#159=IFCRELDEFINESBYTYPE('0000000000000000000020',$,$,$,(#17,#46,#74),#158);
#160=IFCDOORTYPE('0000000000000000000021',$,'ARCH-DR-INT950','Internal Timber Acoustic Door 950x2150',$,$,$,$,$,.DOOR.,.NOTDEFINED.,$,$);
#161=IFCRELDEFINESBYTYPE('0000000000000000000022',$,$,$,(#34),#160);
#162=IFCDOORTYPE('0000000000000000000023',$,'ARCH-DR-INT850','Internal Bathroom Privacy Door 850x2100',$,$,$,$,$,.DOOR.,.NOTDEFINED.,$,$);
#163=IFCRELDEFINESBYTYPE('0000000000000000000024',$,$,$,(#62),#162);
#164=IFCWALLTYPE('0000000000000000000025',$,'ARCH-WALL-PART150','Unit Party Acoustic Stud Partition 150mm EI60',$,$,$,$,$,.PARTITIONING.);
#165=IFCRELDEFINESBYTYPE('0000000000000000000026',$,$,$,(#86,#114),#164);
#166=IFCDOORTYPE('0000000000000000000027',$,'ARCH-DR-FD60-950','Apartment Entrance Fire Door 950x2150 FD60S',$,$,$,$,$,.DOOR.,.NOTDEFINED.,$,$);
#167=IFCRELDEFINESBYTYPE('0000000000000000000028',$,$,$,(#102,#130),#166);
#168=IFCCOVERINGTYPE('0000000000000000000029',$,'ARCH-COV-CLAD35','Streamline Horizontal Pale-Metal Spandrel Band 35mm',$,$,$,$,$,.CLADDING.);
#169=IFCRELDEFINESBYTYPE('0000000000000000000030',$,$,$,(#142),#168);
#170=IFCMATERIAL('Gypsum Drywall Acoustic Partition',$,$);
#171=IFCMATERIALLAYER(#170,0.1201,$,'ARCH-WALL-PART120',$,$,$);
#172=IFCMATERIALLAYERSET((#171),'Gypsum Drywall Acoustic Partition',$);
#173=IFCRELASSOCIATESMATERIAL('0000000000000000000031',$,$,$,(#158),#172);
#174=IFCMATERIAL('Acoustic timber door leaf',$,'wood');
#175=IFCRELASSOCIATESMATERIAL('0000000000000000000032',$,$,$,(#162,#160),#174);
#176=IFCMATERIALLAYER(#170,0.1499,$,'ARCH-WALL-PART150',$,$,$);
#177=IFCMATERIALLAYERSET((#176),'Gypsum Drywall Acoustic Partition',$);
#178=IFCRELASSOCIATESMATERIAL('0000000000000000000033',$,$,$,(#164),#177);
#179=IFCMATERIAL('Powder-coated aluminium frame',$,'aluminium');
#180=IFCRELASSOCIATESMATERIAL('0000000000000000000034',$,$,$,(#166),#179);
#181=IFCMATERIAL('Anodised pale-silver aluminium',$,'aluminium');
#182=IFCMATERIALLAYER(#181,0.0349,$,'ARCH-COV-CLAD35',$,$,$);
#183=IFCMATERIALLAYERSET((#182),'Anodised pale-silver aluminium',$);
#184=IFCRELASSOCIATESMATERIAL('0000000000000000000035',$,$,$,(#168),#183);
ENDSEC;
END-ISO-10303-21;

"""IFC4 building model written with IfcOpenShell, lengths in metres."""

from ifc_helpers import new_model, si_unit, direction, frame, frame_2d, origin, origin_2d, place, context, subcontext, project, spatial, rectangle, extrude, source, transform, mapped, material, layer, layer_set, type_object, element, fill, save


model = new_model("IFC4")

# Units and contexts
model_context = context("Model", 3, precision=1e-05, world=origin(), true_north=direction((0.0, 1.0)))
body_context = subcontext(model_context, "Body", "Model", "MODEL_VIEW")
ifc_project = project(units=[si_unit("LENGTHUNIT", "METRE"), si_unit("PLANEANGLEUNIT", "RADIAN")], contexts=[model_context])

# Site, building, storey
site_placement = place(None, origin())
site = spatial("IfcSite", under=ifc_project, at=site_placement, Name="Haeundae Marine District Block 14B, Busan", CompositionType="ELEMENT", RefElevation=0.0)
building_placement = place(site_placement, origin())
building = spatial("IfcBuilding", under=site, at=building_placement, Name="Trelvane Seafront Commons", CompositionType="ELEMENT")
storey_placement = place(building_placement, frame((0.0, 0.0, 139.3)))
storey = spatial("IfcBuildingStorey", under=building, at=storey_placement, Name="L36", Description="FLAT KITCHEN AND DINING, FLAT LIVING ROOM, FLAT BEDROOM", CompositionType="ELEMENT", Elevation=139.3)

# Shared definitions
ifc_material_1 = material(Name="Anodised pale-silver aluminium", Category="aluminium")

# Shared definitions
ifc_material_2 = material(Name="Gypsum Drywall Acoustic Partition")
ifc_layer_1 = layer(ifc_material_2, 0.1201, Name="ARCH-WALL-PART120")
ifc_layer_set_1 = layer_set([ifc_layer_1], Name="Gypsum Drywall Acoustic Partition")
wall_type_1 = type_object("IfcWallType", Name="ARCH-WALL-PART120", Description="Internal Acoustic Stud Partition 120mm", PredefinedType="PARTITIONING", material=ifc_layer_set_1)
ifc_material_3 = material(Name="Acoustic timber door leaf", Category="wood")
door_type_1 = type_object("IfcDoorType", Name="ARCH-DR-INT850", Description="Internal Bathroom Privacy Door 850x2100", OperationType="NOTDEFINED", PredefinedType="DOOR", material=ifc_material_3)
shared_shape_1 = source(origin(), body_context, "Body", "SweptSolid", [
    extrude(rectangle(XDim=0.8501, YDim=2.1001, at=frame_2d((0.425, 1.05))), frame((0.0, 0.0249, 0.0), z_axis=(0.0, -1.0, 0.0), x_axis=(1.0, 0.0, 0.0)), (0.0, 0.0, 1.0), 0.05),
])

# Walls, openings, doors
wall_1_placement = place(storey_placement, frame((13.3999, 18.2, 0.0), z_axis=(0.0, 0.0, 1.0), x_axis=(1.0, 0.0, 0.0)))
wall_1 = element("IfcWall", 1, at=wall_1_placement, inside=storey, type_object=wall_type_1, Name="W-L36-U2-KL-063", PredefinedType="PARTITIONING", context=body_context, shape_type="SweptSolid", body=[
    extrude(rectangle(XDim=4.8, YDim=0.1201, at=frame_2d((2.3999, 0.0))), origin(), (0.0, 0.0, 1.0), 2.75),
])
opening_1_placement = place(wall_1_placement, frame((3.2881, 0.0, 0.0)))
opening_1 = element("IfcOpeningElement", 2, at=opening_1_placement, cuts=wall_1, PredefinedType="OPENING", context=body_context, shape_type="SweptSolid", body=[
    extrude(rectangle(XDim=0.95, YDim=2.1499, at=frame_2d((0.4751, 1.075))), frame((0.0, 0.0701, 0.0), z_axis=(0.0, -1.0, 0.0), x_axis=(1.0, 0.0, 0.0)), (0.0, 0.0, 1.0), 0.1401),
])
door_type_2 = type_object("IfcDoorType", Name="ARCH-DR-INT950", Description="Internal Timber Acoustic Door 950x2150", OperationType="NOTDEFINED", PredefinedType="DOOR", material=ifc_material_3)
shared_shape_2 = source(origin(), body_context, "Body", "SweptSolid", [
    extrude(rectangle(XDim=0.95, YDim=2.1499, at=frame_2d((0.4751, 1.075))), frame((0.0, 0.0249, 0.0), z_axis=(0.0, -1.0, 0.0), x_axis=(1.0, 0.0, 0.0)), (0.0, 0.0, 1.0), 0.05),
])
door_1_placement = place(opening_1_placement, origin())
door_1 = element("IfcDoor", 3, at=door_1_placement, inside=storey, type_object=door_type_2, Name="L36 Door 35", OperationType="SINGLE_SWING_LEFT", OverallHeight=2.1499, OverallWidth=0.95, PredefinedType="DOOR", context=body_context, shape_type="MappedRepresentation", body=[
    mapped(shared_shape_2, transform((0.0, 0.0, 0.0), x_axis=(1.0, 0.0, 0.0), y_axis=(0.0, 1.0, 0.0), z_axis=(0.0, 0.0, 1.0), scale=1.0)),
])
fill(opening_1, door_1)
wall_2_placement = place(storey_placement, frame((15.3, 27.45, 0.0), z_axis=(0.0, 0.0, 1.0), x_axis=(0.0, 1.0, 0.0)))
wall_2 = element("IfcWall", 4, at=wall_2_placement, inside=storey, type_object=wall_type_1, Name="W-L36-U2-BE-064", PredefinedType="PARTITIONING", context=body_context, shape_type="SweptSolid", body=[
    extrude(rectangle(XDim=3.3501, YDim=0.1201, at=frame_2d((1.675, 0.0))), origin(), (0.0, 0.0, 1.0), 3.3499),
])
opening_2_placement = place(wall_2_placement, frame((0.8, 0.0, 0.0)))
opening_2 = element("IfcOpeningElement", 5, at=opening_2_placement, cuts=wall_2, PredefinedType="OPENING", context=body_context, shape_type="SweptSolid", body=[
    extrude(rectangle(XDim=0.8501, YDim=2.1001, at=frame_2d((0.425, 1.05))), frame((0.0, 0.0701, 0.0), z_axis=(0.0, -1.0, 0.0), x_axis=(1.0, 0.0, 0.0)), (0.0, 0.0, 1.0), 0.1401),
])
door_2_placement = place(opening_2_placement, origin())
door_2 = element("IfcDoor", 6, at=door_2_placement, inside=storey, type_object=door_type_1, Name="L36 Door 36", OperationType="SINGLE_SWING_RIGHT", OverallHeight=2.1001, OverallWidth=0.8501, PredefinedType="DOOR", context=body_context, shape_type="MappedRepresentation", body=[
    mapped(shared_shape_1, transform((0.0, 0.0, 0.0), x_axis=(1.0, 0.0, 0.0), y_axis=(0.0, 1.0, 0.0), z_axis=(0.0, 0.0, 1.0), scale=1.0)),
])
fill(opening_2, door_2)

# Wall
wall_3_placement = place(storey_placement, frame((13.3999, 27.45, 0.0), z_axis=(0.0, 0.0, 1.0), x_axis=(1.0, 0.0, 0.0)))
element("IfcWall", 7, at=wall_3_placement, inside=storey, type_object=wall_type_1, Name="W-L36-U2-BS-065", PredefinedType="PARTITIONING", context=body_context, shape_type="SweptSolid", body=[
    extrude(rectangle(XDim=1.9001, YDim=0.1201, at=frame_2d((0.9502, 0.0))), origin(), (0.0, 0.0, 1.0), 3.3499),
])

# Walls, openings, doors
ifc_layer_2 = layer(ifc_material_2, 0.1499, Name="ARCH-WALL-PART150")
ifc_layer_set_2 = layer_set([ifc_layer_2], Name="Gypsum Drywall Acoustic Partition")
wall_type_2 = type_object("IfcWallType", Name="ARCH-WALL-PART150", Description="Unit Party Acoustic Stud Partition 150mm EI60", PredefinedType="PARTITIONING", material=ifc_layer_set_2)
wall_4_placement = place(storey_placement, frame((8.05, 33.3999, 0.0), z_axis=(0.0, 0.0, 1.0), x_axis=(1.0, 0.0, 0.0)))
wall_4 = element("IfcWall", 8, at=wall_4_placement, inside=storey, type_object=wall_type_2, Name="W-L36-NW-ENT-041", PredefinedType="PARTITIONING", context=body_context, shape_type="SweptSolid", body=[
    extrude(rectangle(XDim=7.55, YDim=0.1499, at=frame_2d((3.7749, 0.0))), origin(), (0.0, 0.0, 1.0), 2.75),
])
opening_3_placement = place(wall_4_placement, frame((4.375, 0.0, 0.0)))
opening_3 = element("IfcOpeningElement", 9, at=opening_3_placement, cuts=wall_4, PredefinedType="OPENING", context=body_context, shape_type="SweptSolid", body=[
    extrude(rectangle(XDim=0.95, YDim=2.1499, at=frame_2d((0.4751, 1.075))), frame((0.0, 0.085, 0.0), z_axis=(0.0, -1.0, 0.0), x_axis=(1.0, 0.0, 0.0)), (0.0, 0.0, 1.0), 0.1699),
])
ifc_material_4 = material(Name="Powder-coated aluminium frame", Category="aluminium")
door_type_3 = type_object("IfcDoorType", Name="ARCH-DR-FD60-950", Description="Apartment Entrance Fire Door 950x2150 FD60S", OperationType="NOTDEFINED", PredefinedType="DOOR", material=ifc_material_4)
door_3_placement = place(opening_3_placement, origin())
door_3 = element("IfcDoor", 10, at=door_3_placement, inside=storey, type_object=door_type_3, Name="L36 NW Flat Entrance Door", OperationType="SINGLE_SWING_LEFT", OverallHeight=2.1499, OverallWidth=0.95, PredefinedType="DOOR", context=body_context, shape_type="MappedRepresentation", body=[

++++

Reproduce only the lines above spanning from the line containing "Spandrel Band 35mm',$,$,$,$,$,.CLADDING.);" through the line containing "#172=IFCMATERIALLAYERSET((#171),'Gypsum Drywall Acoustic", word for word.

#168=IFCCOVERINGTYPE('0000000000000000000029',$,'ARCH-COV-CLAD35','Streamline Horizontal Pale-Metal Spandrel Band 35mm',$,$,$,$,$,.CLADDING.);
#169=IFCRELDEFINESBYTYPE('0000000000000000000030',$,$,$,(#142),#168);
#170=IFCMATERIAL('Gypsum Drywall Acoustic Partition',$,$);
#171=IFCMATERIALLAYER(#170,0.1201,$,'ARCH-WALL-PART120',$,$,$);
#172=IFCMATERIALLAYERSET((#171),'Gypsum Drywall Acoustic Partition',$);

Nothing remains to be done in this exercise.